• _Directions_: From the data below, return the exact lines starting at the line containing "#78=IFCINDEXEDPOLYGONALFACE((1,5,6,2));" and ending at the line containing "#81=IFCINDEXEDPOLYGONALFACE((5,7,8,6));", both included, and nothing else.

START Material for the task

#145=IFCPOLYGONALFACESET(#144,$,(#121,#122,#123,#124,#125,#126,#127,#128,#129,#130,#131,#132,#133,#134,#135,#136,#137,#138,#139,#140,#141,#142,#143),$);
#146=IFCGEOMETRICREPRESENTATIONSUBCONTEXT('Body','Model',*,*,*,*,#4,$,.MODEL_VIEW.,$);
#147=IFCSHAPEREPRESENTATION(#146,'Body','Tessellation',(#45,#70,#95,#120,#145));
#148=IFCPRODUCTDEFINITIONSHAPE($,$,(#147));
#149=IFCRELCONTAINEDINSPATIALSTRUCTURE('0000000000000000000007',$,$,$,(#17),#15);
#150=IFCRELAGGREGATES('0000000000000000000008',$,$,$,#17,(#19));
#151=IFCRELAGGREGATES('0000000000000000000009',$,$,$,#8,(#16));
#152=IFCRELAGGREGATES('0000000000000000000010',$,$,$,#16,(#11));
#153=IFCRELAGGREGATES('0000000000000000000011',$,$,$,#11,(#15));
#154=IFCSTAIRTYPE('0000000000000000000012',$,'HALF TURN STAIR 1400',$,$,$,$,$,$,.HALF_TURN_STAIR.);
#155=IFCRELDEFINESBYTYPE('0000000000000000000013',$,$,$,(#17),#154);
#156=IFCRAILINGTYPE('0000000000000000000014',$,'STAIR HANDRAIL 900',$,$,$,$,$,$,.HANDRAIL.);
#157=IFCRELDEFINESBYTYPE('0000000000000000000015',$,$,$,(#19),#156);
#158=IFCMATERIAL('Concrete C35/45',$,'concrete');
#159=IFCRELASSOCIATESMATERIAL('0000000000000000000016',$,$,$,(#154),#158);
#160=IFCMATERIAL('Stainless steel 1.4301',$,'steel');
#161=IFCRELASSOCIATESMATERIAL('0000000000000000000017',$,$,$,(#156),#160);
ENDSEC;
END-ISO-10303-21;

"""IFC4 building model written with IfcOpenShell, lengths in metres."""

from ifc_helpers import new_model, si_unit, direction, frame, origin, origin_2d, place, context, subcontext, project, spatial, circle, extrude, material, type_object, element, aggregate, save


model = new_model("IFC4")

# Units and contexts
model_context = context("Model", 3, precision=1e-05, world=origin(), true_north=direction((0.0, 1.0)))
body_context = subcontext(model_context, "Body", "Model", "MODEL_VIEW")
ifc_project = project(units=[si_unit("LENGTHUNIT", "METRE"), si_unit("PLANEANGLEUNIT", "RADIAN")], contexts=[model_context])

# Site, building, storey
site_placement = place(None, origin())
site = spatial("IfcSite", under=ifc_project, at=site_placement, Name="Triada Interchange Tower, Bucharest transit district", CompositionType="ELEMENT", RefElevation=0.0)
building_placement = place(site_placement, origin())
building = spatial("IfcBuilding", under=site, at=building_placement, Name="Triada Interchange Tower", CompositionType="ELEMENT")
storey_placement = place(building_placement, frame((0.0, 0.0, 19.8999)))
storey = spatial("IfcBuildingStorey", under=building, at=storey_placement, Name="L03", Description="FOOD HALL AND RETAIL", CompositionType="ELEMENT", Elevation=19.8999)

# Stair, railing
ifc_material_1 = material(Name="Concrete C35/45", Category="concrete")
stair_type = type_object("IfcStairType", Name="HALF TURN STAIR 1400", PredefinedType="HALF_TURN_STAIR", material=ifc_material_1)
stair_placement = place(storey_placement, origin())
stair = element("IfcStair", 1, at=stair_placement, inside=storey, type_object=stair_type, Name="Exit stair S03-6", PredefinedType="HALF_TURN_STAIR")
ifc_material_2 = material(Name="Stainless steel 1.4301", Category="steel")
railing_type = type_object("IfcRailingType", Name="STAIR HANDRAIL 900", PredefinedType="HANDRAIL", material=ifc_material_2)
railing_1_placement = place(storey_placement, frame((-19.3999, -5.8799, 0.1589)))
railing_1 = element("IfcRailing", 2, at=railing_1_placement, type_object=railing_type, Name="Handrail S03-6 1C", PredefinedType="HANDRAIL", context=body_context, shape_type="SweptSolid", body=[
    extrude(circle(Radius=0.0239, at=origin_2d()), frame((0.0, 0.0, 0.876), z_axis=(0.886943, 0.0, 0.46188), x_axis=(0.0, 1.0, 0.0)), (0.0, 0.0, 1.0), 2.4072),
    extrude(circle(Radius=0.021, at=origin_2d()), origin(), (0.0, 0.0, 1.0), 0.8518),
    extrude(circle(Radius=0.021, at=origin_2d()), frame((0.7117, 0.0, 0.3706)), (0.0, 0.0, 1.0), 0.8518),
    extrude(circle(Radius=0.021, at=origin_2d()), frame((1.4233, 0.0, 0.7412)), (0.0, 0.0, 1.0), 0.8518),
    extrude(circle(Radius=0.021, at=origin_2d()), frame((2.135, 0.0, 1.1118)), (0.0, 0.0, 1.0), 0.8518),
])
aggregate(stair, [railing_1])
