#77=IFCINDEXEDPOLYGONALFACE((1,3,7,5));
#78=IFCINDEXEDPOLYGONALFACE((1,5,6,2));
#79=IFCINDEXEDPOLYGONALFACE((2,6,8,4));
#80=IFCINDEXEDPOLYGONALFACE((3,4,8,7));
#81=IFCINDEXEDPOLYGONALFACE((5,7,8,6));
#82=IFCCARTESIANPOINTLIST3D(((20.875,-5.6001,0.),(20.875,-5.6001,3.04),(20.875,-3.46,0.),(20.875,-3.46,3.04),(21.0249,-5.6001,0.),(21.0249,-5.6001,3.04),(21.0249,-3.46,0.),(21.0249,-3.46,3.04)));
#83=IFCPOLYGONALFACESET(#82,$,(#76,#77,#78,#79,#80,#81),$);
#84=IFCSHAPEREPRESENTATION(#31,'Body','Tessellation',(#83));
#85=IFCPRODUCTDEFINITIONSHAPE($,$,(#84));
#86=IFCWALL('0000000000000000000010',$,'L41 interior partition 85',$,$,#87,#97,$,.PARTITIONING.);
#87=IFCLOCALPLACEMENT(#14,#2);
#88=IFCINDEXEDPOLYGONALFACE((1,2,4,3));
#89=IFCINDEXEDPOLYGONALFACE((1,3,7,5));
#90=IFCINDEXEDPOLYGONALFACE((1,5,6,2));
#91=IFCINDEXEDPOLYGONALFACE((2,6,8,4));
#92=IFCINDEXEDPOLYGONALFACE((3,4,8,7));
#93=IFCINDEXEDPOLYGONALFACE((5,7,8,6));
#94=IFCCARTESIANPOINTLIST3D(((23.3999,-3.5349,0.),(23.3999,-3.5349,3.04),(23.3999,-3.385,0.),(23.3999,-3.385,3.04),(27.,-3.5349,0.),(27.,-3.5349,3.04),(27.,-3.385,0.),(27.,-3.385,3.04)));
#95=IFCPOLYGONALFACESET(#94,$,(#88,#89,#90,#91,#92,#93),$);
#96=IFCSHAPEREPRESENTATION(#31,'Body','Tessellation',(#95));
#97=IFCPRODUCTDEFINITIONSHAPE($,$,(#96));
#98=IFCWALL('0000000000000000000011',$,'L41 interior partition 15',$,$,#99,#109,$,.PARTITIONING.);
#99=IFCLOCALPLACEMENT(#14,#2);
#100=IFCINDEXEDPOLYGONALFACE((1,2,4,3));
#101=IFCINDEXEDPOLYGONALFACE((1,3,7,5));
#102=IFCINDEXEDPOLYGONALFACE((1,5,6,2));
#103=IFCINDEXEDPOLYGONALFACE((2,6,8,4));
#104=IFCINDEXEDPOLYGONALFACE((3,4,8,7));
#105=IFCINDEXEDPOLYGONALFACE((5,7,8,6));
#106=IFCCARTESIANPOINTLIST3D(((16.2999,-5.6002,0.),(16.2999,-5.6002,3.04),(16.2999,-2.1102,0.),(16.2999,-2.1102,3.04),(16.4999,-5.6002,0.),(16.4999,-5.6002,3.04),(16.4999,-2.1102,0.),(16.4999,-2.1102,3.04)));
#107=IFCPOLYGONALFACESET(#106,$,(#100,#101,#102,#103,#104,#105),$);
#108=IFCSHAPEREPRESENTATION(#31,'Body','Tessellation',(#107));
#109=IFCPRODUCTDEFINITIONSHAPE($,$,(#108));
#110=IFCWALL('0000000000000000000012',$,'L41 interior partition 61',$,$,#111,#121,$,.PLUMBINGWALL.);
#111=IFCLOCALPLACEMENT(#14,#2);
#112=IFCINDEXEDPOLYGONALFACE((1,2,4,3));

END Material for the task

• _Task output_:
#78=IFCINDEXEDPOLYGONALFACE((1,5,6,2));
#79=IFCINDEXEDPOLYGONALFACE((2,6,8,4));
#80=IFCINDEXEDPOLYGONALFACE((3,4,8,7));
#81=IFCINDEXEDPOLYGONALFACE((5,7,8,6));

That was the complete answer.